▶ TRY IT
Which of the lines below mention the word "IFCRELAGGREGATES"? Pull each one out.

Extracted data entries
>>

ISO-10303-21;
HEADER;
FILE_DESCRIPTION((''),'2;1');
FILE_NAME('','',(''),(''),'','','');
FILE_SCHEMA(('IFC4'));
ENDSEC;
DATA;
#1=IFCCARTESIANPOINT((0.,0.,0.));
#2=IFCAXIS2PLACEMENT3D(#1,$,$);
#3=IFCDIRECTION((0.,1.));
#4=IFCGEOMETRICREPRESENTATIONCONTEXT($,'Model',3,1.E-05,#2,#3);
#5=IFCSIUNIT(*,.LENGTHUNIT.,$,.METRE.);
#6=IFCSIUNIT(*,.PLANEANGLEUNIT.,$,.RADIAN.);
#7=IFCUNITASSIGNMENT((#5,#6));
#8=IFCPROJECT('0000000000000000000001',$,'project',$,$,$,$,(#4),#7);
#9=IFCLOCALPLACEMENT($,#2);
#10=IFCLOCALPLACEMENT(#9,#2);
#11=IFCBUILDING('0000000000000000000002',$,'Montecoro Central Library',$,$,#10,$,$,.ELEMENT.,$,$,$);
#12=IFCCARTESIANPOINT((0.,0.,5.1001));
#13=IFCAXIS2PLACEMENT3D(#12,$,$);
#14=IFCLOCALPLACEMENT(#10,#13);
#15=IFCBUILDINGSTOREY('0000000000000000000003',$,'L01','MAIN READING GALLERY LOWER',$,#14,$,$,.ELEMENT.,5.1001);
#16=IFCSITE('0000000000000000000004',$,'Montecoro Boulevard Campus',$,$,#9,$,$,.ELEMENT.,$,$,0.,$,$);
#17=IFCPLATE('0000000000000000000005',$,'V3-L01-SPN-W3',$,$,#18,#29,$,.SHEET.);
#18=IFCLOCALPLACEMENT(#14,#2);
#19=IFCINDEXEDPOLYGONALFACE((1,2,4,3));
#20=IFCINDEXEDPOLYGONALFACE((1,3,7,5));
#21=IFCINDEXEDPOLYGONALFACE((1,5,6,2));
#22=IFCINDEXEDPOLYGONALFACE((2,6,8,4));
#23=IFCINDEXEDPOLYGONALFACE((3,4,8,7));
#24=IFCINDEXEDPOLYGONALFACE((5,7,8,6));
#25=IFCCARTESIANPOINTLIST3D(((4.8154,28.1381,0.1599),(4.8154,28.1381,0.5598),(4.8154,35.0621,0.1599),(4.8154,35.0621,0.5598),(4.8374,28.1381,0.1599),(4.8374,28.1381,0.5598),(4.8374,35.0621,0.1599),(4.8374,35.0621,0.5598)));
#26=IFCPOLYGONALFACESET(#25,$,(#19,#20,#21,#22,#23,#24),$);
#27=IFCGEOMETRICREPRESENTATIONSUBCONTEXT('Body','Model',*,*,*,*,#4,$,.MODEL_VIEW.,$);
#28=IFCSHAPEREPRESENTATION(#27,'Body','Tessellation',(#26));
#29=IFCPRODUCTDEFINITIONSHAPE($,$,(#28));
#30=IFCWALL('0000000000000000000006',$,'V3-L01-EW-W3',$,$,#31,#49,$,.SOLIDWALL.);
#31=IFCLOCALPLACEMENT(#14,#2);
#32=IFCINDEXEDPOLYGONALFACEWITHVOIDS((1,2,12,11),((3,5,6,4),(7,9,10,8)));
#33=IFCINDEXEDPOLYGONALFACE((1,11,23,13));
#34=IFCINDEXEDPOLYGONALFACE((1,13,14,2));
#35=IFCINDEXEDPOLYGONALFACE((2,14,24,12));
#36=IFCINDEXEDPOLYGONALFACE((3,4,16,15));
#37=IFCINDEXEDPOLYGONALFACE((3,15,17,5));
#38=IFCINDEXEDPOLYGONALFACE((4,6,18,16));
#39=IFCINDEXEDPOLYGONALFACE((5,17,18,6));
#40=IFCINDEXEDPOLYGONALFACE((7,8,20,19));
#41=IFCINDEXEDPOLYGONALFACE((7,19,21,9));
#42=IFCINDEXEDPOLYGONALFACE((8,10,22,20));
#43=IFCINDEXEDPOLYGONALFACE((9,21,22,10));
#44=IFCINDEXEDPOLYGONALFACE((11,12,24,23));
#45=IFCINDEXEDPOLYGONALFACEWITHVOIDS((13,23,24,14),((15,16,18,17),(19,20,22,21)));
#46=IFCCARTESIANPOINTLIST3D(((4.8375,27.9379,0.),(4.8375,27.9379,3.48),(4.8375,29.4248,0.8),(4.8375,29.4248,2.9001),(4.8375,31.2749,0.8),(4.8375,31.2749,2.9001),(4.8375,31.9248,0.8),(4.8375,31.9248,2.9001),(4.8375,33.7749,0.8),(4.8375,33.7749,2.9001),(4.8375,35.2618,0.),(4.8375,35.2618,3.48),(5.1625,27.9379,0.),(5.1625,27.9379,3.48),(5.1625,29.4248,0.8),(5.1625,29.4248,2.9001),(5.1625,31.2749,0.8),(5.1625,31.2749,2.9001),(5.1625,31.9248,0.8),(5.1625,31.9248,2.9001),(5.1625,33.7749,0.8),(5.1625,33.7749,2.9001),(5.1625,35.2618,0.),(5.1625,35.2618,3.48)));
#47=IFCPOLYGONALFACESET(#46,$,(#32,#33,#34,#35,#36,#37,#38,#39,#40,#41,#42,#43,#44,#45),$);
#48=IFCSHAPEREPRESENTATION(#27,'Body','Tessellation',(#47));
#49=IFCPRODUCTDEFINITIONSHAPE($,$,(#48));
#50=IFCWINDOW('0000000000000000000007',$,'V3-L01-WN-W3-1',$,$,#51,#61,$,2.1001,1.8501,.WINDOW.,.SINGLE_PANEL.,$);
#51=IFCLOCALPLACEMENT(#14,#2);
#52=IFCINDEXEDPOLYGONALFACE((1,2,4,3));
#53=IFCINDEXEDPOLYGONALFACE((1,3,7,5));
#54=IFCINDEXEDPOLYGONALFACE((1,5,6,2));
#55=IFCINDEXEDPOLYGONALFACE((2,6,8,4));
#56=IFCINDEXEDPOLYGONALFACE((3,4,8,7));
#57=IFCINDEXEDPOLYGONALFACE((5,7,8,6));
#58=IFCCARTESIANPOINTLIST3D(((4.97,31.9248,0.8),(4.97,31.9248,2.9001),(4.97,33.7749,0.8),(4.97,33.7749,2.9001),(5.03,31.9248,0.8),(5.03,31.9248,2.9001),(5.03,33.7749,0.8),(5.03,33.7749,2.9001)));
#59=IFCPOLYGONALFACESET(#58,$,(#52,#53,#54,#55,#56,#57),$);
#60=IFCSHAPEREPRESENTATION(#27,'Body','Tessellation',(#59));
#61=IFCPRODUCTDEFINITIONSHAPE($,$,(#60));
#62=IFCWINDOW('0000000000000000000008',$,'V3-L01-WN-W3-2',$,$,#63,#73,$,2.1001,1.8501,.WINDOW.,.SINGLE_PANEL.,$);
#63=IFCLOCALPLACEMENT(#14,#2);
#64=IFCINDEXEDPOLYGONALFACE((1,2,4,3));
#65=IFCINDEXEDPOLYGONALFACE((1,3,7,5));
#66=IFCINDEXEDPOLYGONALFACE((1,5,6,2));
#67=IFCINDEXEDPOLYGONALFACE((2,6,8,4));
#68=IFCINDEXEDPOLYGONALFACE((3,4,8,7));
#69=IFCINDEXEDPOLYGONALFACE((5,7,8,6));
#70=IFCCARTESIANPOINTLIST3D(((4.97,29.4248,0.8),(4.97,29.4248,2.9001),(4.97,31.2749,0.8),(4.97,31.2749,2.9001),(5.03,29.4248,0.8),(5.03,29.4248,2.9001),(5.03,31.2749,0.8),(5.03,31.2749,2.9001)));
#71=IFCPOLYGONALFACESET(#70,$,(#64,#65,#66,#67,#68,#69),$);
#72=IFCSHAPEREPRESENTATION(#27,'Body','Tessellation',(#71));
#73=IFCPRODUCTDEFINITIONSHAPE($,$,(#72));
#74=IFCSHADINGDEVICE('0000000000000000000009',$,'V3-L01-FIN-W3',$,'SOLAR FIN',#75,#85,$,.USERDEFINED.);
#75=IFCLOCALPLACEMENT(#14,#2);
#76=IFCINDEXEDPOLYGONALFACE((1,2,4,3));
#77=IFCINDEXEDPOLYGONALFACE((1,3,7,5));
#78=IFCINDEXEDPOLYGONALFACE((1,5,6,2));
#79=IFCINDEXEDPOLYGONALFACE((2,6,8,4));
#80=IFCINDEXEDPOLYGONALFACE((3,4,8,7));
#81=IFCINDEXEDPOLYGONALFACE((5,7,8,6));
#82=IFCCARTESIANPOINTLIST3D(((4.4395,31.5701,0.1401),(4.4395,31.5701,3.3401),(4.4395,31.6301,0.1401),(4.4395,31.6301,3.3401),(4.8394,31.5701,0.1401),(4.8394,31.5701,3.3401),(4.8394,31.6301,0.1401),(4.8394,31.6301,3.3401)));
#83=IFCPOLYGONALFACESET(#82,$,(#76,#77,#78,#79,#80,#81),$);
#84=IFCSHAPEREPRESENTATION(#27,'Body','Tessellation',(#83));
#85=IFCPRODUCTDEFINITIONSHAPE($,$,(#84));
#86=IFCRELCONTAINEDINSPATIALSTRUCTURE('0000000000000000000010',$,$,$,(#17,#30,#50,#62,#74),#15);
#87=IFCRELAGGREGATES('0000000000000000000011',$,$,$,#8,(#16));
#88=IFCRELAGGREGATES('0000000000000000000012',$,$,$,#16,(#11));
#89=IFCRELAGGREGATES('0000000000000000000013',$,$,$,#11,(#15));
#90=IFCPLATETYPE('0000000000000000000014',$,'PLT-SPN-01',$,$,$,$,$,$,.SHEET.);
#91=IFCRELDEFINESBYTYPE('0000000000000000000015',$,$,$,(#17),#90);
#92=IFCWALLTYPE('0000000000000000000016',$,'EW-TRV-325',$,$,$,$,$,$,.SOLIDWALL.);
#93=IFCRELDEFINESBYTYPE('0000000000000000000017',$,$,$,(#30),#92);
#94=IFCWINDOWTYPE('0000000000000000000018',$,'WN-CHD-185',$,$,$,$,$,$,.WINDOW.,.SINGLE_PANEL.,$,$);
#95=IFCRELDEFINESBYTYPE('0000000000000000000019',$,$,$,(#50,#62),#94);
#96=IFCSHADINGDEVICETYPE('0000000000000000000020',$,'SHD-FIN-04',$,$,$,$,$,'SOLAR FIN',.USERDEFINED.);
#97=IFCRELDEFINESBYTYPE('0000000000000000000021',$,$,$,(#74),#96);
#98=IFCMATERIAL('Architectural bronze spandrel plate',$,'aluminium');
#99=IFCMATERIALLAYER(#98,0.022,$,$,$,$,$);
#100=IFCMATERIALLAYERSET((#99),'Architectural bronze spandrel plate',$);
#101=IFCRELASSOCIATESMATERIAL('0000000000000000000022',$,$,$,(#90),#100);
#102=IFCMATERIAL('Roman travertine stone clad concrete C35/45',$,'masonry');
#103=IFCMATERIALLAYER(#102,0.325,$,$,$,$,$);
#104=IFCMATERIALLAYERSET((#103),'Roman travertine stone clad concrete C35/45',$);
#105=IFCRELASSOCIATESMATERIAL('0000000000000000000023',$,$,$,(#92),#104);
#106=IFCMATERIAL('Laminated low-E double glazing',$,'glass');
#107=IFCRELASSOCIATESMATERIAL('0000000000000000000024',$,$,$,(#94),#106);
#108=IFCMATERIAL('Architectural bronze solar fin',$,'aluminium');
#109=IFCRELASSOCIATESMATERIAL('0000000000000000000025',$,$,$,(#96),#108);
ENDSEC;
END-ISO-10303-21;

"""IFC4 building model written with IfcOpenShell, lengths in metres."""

from ifc_helpers import new_model, si_unit, direction, frame, frame_2d, origin, origin_2d, place, context, subcontext, project, spatial, rectangle, extrude, material, layer, layer_set, type_object, element, fill, save


model = new_model("IFC4")

# Units and contexts
model_context = context("Model", 3, precision=1e-05, world=origin(), true_north=direction((0.0, 1.0)))
body_context = subcontext(model_context, "Body", "Model", "MODEL_VIEW")
ifc_project = project(units=[si_unit("LENGTHUNIT", "METRE"), si_unit("PLANEANGLEUNIT", "RADIAN")], contexts=[model_context])

# Site, building, storey
site_placement = place(None, origin())
site = spatial("IfcSite", under=ifc_project, at=site_placement, Name="Montecoro Boulevard Campus", CompositionType="ELEMENT", RefElevation=0.0)
building_placement = place(site_placement, origin())
building = spatial("IfcBuilding", under=site, at=building_placement, Name="Montecoro Central Library", CompositionType="ELEMENT")
storey_placement = place(building_placement, frame((0.0, 0.0, 5.1001)))
storey = spatial("IfcBuildingStorey", under=building, at=storey_placement, Name="L01", Description="MAIN READING GALLERY LOWER", CompositionType="ELEMENT", Elevation=5.1001)

# Plate
ifc_material_1 = material(Name="Laminated low-E double glazing", Category="glass")
ifc_material_2 = material(Name="Architectural bronze spandrel plate", Category="aluminium")
ifc_layer_1 = layer(ifc_material_2, 0.022)
ifc_layer_set_1 = layer_set([ifc_layer_1], Name="Architectural bronze spandrel plate")
plate_type_1 = type_object("IfcPlateType", Name="PLT-SPN-01", PredefinedType="SHEET", material=ifc_layer_set_1)
plate_1_placement = place(storey_placement, frame((4.8264, 31.6001, 0.1599), z_axis=(0.0, 0.0, 1.0), x_axis=(0.0, -1.0, 0.0)))
element("IfcPlate", 1, at=plate_1_placement, inside=storey, type_object=plate_type_1, Name="V3-L01-SPN-W3", PredefinedType="SHEET", context=body_context, shape_type="SweptSolid", body=[
    extrude(rectangle(XDim=6.9241, YDim=0.022, at=origin_2d()), origin(), (0.0, 0.0, 1.0), 0.3999),
])

# Wall, openings, windows
ifc_material_3 = material(Name="Roman travertine stone clad concrete C35/45", Category="masonry")
ifc_layer_2 = layer(ifc_material_3, 0.325)
ifc_layer_set_2 = layer_set([ifc_layer_2], Name="Roman travertine stone clad concrete C35/45")
wall_type = type_object("IfcWallType", Name="EW-TRV-325", PredefinedType="SOLIDWALL", material=ifc_layer_set_2)
wall_placement = place(storey_placement, frame((5.0, 35.262, 0.0), z_axis=(0.0, 0.0, 1.0), x_axis=(0.0, -1.0, 0.0)))
wall = element("IfcWall", 2, at=wall_placement, inside=storey, type_object=wall_type, Name="V3-L01-EW-W3", PredefinedType="SOLIDWALL", context=body_context, shape_type="SweptSolid", body=[
    extrude(rectangle(XDim=7.324, YDim=0.325, at=frame_2d((3.6621, 0.0))), origin(), (0.0, 0.0, 1.0), 3.48),
])
opening_1_placement = place(wall_placement, frame((1.4871, 0.0, 0.8)))
opening_1 = element("IfcOpeningElement", 3, at=opening_1_placement, cuts=wall, PredefinedType="OPENING", context=body_context, shape_type="SweptSolid", body=[
    extrude(rectangle(XDim=1.8501, YDim=2.1001, at=frame_2d((0.925, 1.05))), frame((0.0, 0.1724, 0.0), z_axis=(0.0, -1.0, 0.0), x_axis=(1.0, 0.0, 0.0)), (0.0, 0.0, 1.0), 0.345),
])
opening_2_placement = place(wall_placement, frame((3.9871, 0.0, 0.8)))
opening_2 = element("IfcOpeningElement", 4, at=opening_2_placement, cuts=wall, PredefinedType="OPENING", context=body_context, shape_type="SweptSolid", body=[
    extrude(rectangle(XDim=1.8501, YDim=2.1001, at=frame_2d((0.925, 1.05))), frame((0.0, 0.1724, 0.0), z_axis=(0.0, -1.0, 0.0), x_axis=(1.0, 0.0, 0.0)), (0.0, 0.0, 1.0), 0.345),
])
window_type = type_object("IfcWindowType", Name="WN-CHD-185", PartitioningType="SINGLE_PANEL", PredefinedType="WINDOW", material=ifc_material_1)
window_1_placement = place(opening_1_placement, origin())
window_1 = element("IfcWindow", 5, at=window_1_placement, inside=storey, type_object=window_type, Name="V3-L01-WN-W3-1", OverallHeight=2.1001, OverallWidth=1.8501, PartitioningType="SINGLE_PANEL", PredefinedType="WINDOW", context=body_context, shape_type="SweptSolid", body=[
    extrude(rectangle(XDim=1.8501, YDim=2.1001, at=frame_2d((0.925, 1.05))), frame((0.0, 0.03, 0.0), z_axis=(0.0, -1.0, 0.0), x_axis=(1.0, 0.0, 0.0)), (0.0, 0.0, 1.0), 0.0601),
])
fill(opening_1, window_1)
window_2_placement = place(opening_2_placement, origin())
window_2 = element("IfcWindow", 6, at=window_2_placement, inside=storey, type_object=window_type, Name="V3-L01-WN-W3-2", OverallHeight=2.1001, OverallWidth=1.8501, PartitioningType="SINGLE_PANEL", PredefinedType="WINDOW", context=body_context, shape_type="SweptSolid", body=[
    extrude(rectangle(XDim=1.8501, YDim=2.1001, at=frame_2d((0.925, 1.05))), frame((0.0, 0.03, 0.0), z_axis=(0.0, -1.0, 0.0), x_axis=(1.0, 0.0, 0.0)), (0.0, 0.0, 1.0), 0.0601),
])
fill(opening_2, window_2)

<<

▶ YOUR SOLUTION
#87=IFCRELAGGREGATES('0000000000000000000011',$,$,$,#8,(#16));
#88=IFCRELAGGREGATES('0000000000000000000012',$,$,$,#16,(#11));
#89=IFCRELAGGREGATES('0000000000000000000013',$,$,$,#11,(#15));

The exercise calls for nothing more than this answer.